WHAT YOU WILL DO: Return, exactly and in full, the lines of the records below starting at the one with "#99=IFCINDEXEDPOLYGONALFACE((2,6,8,4));" and ending at the one with "#110=IFCINDEXEDPOLYGONALFACE((1,5,6,2));", and no other lines.

DATA FOR ANALYSIS:
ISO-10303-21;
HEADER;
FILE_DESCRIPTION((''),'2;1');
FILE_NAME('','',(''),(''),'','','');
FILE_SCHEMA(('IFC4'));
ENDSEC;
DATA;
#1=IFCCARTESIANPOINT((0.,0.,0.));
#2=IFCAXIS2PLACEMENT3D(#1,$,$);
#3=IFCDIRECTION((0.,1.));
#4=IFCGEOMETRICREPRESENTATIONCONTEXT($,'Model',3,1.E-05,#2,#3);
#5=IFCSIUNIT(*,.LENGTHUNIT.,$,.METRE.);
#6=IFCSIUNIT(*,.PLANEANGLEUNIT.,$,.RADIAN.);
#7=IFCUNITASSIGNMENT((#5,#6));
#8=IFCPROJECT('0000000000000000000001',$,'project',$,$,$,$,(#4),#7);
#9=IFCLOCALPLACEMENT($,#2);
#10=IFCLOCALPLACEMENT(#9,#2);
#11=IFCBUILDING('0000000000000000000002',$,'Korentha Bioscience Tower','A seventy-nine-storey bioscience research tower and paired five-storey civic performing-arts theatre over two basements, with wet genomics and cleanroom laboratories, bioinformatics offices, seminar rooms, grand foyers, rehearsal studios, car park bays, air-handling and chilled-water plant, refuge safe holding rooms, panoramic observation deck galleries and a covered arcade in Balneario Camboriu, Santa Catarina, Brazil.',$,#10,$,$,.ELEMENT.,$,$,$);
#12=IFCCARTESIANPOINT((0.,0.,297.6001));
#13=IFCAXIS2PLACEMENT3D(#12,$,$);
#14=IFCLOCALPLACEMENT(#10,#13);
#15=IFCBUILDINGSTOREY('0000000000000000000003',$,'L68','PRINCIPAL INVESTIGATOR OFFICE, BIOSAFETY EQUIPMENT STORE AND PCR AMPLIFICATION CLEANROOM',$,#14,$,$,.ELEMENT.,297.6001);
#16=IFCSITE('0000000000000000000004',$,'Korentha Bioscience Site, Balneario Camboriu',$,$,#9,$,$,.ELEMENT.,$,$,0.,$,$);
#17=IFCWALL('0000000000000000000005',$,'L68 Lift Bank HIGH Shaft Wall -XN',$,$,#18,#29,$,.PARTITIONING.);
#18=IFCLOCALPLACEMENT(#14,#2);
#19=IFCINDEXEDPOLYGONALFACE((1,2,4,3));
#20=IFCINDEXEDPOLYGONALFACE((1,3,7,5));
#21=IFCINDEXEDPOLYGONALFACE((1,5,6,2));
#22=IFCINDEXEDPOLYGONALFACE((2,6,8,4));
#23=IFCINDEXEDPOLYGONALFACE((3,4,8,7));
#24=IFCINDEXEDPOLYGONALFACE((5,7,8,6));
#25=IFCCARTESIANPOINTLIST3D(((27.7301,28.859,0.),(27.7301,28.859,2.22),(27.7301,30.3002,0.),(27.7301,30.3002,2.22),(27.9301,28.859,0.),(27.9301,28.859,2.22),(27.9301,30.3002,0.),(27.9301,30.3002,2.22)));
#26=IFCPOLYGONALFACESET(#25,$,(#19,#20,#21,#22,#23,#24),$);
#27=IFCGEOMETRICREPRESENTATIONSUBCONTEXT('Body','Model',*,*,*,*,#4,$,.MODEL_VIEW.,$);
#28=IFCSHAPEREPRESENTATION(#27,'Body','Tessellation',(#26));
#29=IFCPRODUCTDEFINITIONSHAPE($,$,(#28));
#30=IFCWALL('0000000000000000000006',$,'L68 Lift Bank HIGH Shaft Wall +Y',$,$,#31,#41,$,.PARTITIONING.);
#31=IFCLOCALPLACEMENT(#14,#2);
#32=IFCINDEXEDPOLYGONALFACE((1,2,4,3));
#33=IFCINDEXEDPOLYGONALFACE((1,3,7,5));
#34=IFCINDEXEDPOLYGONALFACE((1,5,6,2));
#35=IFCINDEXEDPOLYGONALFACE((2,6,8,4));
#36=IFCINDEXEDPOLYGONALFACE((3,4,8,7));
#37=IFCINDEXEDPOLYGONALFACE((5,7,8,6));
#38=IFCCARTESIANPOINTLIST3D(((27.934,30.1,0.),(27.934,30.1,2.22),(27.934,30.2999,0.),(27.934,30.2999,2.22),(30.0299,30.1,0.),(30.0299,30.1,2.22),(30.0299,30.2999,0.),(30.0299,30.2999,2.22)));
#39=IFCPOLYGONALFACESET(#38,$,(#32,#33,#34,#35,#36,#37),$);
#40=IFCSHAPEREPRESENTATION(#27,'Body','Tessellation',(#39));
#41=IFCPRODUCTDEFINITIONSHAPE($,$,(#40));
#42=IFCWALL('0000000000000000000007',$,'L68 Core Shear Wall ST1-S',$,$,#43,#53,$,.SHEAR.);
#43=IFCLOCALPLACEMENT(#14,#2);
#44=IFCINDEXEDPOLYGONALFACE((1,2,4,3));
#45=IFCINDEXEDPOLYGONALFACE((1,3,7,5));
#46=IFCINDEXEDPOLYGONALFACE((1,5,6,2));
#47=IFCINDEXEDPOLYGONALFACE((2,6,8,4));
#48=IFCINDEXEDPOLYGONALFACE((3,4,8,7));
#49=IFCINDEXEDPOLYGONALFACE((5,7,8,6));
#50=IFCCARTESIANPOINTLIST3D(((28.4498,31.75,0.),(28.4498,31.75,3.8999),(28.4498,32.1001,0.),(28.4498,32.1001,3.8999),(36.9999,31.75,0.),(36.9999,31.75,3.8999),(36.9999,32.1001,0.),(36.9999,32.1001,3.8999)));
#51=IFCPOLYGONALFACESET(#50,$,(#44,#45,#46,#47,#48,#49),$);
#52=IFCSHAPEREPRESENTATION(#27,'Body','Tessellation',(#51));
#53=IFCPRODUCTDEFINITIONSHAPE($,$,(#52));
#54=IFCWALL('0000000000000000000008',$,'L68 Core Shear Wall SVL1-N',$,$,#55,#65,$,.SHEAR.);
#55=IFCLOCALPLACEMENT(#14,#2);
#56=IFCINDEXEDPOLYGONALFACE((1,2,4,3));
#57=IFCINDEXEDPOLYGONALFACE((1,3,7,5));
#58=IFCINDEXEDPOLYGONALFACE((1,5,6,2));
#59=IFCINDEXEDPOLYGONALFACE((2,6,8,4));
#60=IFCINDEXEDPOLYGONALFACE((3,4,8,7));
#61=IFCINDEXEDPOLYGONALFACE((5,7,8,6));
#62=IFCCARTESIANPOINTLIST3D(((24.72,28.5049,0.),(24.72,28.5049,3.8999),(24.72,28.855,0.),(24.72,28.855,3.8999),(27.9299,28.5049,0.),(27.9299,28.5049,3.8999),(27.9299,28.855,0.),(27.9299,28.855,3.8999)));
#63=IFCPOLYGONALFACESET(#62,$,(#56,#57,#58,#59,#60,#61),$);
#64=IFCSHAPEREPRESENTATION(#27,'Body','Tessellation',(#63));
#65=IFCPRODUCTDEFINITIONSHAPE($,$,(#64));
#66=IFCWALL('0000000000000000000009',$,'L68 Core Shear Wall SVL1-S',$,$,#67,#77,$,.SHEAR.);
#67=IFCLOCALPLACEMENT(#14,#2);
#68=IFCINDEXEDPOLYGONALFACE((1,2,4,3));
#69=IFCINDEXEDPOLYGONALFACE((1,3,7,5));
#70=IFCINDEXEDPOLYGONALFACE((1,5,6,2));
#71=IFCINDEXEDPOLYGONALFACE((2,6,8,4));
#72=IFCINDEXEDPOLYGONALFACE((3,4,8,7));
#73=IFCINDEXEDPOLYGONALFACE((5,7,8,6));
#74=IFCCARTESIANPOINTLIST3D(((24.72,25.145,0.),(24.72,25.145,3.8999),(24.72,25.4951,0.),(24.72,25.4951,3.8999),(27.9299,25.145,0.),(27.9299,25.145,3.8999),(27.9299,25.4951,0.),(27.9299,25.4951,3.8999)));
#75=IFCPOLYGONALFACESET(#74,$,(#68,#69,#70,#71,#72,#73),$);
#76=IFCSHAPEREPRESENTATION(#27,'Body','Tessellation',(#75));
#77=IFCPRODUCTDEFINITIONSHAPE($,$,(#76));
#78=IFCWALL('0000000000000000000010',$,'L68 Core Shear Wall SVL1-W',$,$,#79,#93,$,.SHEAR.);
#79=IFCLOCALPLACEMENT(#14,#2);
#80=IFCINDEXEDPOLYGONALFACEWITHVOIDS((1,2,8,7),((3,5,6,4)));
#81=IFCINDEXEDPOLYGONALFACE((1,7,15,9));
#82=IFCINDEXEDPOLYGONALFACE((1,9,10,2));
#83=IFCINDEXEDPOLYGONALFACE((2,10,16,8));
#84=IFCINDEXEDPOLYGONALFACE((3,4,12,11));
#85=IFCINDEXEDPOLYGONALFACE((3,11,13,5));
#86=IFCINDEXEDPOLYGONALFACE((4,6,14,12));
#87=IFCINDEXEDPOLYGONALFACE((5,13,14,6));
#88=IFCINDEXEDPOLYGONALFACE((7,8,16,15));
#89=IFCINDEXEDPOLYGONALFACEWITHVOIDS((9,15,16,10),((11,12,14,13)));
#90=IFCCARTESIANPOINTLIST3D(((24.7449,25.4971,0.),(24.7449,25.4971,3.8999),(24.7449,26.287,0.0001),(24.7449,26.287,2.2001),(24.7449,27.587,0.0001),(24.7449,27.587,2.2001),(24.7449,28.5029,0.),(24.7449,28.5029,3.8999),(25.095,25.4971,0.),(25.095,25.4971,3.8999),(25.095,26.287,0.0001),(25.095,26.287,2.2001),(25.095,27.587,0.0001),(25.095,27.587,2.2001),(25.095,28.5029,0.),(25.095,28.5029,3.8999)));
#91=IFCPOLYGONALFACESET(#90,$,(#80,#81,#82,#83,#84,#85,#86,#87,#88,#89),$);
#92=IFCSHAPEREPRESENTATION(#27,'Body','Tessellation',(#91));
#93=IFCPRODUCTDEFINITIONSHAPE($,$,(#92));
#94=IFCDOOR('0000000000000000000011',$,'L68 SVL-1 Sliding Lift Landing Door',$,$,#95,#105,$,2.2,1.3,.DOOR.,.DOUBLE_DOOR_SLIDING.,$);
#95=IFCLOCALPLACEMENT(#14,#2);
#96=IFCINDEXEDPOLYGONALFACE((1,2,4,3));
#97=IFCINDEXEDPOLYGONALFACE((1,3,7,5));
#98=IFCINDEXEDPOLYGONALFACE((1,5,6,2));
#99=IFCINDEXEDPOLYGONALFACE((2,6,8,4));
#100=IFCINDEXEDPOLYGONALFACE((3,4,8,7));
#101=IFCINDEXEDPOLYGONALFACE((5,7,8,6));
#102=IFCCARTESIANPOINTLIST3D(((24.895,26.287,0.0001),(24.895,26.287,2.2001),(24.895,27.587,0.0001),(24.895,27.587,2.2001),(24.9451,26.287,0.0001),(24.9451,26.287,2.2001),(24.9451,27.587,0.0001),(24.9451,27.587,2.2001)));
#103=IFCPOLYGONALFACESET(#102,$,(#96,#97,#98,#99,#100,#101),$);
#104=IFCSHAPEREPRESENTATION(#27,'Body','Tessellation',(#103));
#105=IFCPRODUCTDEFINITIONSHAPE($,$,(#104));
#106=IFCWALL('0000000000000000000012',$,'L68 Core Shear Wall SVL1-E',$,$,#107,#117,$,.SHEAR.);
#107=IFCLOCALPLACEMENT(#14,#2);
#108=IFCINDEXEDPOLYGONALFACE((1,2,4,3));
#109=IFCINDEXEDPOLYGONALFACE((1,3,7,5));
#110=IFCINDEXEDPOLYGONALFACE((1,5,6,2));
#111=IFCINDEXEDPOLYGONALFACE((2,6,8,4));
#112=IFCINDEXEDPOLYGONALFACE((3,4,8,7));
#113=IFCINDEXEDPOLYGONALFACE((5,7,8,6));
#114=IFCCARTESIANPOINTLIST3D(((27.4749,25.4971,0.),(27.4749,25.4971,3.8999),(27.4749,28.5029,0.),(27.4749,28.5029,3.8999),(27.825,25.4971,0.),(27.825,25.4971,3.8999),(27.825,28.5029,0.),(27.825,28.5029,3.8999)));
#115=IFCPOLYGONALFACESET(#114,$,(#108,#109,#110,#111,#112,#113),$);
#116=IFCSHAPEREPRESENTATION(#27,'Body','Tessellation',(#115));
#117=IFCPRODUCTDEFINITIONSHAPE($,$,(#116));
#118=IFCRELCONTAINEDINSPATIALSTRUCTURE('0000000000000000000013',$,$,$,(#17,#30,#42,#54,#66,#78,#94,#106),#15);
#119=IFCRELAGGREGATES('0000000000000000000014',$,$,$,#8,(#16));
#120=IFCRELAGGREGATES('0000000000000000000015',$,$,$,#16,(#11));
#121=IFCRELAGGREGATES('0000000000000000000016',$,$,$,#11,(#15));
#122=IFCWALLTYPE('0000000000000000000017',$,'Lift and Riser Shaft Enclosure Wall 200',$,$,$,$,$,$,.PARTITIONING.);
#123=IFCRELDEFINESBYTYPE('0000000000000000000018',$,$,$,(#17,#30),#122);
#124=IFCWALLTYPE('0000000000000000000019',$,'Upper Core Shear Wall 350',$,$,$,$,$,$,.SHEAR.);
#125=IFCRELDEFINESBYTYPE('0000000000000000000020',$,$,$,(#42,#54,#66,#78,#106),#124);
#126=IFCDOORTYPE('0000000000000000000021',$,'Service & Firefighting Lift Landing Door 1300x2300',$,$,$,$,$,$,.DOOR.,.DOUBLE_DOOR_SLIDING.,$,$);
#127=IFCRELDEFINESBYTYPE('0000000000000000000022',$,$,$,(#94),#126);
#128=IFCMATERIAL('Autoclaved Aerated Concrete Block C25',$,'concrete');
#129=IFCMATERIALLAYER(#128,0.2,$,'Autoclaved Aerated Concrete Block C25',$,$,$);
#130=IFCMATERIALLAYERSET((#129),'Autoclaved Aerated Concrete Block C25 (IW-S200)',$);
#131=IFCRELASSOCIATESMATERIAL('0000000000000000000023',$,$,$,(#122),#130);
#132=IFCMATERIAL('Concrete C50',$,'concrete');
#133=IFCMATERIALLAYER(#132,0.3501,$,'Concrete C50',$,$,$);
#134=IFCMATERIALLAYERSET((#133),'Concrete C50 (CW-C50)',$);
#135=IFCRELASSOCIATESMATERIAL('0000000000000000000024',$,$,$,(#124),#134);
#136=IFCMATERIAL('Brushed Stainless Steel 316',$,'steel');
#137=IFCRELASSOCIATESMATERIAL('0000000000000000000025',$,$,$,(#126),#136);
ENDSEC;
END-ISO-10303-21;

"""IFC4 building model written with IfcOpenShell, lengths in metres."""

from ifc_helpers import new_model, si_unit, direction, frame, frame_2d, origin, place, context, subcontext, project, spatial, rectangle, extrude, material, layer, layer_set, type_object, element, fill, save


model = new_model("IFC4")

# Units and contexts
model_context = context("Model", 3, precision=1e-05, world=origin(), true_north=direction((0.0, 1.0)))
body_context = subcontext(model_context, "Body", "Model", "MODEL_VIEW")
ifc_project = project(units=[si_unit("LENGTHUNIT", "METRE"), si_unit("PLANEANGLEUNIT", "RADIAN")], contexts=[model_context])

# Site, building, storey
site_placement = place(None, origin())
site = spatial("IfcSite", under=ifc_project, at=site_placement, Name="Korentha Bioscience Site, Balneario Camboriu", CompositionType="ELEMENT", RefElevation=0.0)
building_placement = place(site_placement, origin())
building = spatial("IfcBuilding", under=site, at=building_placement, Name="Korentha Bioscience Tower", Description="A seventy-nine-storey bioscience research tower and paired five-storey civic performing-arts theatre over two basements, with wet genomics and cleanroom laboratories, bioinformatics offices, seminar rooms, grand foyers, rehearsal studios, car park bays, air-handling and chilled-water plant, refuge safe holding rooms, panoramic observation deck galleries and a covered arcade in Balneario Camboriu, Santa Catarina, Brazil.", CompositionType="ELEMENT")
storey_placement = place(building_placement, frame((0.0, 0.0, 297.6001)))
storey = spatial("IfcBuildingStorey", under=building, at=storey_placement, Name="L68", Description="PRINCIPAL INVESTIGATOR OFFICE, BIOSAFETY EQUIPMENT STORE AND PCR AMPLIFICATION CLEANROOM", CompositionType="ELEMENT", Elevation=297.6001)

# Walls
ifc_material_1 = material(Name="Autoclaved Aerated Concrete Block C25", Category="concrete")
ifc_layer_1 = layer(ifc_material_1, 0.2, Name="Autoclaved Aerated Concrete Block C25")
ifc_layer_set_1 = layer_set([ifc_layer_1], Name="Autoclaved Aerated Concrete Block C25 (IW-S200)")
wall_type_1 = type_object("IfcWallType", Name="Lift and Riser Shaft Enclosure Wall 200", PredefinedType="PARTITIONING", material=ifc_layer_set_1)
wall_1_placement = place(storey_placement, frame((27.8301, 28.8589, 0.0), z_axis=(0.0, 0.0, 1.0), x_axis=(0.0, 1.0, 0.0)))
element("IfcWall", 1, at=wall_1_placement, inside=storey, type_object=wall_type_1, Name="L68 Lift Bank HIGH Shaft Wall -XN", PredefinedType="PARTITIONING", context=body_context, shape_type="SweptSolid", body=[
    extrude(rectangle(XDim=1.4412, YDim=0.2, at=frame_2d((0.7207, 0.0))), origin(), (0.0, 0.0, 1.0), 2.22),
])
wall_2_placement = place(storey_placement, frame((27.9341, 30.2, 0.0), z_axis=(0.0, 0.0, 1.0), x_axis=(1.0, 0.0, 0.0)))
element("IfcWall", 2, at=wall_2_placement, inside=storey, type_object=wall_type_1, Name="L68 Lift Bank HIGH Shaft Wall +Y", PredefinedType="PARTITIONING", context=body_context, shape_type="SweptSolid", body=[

ANSWER SECTION:
#99=IFCINDEXEDPOLYGONALFACE((2,6,8,4));
#100=IFCINDEXEDPOLYGONALFACE((3,4,8,7));
#101=IFCINDEXEDPOLYGONALFACE((5,7,8,6));
#102=IFCCARTESIANPOINTLIST3D(((24.895,26.287,0.0001),(24.895,26.287,2.2001),(24.895,27.587,0.0001),(24.895,27.587,2.2001),(24.9451,26.287,0.0001),(24.9451,26.287,2.2001),(24.9451,27.587,0.0001),(24.9451,27.587,2.2001)));
#103=IFCPOLYGONALFACESET(#102,$,(#96,#97,#98,#99,#100,#101),$);
#104=IFCSHAPEREPRESENTATION(#27,'Body','Tessellation',(#103));
#105=IFCPRODUCTDEFINITIONSHAPE($,$,(#104));
#106=IFCWALL('0000000000000000000012',$,'L68 Core Shear Wall SVL1-E',$,$,#107,#117,$,.SHEAR.);
#107=IFCLOCALPLACEMENT(#14,#2);
#108=IFCINDEXEDPOLYGONALFACE((1,2,4,3));
#109=IFCINDEXEDPOLYGONALFACE((1,3,7,5));
#110=IFCINDEXEDPOLYGONALFACE((1,5,6,2));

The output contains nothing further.